━━ THE RECORDS

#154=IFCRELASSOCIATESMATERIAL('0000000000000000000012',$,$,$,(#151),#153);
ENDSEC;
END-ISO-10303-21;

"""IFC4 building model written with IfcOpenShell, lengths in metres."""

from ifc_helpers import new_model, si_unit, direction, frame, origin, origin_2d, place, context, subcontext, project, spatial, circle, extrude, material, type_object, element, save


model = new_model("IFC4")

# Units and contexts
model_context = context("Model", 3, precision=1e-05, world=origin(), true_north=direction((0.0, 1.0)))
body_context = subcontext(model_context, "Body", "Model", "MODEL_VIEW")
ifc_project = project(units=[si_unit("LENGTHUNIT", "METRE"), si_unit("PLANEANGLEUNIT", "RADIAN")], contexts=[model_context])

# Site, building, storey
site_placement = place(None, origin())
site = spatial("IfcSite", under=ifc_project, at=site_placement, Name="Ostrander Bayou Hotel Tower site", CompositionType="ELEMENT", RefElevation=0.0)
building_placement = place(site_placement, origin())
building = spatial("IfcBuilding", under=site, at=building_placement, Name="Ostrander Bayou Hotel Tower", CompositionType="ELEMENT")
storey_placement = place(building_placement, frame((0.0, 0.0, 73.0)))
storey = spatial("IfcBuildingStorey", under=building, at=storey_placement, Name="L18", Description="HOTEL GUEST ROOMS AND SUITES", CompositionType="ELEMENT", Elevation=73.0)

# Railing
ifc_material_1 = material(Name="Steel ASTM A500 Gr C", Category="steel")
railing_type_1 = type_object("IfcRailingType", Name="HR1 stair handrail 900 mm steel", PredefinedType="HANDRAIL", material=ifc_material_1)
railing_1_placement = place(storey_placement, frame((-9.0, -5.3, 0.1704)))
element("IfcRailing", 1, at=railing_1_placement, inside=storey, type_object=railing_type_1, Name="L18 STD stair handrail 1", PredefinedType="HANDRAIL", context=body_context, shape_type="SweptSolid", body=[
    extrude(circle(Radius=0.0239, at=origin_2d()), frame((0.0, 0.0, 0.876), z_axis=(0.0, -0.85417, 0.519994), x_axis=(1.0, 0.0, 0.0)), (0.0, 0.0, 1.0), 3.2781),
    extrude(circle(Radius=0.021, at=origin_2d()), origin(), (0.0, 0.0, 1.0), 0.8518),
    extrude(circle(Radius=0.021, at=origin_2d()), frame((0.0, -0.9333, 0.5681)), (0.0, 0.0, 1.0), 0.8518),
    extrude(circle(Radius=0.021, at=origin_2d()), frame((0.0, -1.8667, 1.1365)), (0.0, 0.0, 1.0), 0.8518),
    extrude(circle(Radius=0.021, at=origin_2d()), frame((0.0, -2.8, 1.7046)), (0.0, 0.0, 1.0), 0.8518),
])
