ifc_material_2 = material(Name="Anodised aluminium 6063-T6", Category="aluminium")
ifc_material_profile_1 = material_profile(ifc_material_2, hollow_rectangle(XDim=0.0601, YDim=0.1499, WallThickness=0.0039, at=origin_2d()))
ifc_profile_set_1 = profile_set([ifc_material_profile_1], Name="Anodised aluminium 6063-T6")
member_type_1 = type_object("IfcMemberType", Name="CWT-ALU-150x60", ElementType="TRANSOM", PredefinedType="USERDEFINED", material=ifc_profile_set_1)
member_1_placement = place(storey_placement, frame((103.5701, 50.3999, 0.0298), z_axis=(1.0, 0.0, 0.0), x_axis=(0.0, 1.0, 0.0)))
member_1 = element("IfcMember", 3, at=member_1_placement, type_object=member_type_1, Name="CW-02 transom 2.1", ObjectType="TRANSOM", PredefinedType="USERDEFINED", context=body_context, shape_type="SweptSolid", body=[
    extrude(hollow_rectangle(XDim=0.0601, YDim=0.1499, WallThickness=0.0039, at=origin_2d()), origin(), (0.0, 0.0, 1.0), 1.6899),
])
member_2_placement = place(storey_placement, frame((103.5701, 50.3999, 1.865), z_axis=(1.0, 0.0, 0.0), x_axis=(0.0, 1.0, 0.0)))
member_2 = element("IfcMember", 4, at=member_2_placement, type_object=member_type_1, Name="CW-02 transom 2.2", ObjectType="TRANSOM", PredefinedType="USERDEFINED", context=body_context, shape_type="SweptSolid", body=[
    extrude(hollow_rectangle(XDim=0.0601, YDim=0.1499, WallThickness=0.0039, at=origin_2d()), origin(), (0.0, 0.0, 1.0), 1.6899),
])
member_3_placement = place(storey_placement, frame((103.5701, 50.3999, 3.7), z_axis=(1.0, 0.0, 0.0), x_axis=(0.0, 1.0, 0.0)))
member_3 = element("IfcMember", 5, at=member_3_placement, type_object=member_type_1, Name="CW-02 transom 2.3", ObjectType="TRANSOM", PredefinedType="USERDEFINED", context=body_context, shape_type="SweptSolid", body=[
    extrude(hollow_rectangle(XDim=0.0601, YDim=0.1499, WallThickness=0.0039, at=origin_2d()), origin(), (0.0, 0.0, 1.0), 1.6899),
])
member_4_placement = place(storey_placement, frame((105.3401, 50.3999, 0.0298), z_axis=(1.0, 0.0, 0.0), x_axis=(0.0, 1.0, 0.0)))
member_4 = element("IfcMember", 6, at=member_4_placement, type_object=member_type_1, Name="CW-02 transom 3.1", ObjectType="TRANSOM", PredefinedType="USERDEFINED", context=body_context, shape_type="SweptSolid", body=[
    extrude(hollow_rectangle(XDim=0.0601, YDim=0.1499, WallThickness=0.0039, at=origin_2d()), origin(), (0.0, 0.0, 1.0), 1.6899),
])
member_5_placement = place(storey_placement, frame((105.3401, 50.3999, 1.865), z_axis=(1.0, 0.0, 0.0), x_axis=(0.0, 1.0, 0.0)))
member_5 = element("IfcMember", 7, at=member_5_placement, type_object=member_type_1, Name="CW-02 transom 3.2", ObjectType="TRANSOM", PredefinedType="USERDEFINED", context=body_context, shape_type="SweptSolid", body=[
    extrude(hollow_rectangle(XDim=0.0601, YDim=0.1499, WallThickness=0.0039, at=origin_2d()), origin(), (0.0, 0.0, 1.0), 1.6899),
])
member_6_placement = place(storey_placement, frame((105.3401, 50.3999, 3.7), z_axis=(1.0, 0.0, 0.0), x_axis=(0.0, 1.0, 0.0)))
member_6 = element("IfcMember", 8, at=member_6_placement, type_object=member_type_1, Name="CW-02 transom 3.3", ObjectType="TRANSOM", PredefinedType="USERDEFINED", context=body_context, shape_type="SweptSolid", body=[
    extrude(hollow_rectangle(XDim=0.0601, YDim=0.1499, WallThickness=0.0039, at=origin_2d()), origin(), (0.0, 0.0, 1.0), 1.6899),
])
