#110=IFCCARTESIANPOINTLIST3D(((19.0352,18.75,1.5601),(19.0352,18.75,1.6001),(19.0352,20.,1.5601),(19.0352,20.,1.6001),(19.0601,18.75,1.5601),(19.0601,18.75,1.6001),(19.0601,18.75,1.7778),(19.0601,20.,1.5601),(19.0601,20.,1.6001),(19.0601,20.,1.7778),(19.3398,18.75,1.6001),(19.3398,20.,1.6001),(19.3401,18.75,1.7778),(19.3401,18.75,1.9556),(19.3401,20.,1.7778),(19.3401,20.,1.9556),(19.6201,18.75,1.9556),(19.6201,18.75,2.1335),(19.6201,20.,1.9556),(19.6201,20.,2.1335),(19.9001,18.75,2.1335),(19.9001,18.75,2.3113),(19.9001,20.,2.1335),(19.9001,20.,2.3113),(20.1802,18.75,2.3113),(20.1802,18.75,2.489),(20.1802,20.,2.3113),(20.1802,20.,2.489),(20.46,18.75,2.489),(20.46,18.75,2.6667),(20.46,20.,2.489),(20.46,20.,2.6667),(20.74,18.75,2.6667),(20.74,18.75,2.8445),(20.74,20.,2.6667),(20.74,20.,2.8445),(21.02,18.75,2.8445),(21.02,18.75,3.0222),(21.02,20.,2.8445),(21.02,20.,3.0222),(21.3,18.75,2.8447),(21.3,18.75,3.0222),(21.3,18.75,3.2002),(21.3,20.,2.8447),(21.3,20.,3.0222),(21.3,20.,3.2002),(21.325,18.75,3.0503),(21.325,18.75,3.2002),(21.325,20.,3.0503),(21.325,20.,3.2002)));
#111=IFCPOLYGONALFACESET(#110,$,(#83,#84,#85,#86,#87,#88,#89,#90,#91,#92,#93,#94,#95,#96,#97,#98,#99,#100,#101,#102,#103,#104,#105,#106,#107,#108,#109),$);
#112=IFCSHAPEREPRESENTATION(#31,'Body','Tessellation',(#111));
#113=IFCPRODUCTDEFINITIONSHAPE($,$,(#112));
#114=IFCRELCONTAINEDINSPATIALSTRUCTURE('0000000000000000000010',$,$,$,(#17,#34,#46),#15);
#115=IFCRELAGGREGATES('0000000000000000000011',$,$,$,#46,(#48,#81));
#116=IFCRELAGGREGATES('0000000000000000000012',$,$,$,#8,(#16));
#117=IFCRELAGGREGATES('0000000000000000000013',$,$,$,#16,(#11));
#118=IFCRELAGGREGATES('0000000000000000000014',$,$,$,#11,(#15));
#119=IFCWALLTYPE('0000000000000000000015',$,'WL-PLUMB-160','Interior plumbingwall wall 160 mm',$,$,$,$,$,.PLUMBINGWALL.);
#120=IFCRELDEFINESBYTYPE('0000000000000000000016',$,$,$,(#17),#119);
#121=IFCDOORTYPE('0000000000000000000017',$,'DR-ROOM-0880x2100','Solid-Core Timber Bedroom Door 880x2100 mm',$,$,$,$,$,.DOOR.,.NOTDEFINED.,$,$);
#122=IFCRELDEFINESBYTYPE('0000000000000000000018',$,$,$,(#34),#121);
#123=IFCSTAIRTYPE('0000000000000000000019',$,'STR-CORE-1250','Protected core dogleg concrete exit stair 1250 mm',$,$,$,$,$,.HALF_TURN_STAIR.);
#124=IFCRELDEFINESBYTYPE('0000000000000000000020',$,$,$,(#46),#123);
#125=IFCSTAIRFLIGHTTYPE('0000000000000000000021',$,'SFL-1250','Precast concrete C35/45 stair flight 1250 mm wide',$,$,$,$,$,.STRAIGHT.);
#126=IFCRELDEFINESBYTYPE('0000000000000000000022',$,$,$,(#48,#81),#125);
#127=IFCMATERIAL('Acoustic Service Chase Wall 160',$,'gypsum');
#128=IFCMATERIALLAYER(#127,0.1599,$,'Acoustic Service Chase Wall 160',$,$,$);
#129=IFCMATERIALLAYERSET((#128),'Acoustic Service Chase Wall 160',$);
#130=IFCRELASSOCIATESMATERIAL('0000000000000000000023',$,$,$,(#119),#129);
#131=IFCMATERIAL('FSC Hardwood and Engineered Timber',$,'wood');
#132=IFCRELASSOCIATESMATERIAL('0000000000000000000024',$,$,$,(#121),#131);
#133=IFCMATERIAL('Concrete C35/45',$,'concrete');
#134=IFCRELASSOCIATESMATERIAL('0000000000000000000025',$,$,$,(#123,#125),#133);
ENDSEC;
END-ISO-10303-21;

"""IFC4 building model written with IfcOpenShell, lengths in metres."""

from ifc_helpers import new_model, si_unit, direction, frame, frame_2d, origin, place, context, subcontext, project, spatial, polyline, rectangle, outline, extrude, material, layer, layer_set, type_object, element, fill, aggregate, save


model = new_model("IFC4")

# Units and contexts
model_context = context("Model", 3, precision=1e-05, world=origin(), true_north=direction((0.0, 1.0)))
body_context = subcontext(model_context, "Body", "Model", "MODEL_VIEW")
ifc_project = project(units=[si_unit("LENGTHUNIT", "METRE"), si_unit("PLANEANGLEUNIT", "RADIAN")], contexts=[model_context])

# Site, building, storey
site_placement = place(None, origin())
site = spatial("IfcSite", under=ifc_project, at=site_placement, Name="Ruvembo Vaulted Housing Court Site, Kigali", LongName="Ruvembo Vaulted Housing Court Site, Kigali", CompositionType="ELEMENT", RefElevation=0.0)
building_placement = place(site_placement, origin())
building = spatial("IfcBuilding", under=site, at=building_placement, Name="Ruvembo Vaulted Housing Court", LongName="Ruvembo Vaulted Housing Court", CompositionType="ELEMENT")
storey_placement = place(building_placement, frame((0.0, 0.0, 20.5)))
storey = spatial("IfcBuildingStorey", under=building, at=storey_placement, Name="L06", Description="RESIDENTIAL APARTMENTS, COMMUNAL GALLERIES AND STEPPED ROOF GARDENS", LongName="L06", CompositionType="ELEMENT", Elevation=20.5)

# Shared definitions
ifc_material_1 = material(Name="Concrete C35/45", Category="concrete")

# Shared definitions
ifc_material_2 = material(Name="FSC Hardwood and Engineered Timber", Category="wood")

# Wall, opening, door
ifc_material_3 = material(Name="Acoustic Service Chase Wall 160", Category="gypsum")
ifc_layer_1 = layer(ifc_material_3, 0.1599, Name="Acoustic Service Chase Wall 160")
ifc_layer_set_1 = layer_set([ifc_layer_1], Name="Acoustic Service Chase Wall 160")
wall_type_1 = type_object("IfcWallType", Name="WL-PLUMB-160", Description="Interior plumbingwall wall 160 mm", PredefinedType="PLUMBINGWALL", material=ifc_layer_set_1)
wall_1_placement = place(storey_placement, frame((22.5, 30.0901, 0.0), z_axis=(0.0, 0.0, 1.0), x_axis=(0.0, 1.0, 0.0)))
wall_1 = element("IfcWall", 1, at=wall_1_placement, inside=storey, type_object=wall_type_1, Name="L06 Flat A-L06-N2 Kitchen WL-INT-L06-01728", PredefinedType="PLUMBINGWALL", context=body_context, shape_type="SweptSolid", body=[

━━━━

→ EXERCISE GOAL:
Look through the records and copy down every line that holds "steel".

→ TASK SOLUTION:
ifc_material_1 = material(Name="Steel ASTM A500 Gr C", Category="steel")
railing_type_1 = type_object("IfcRailingType", Name="HR1 stair handrail 900 mm steel", PredefinedType="HANDRAIL", material=ifc_material_1)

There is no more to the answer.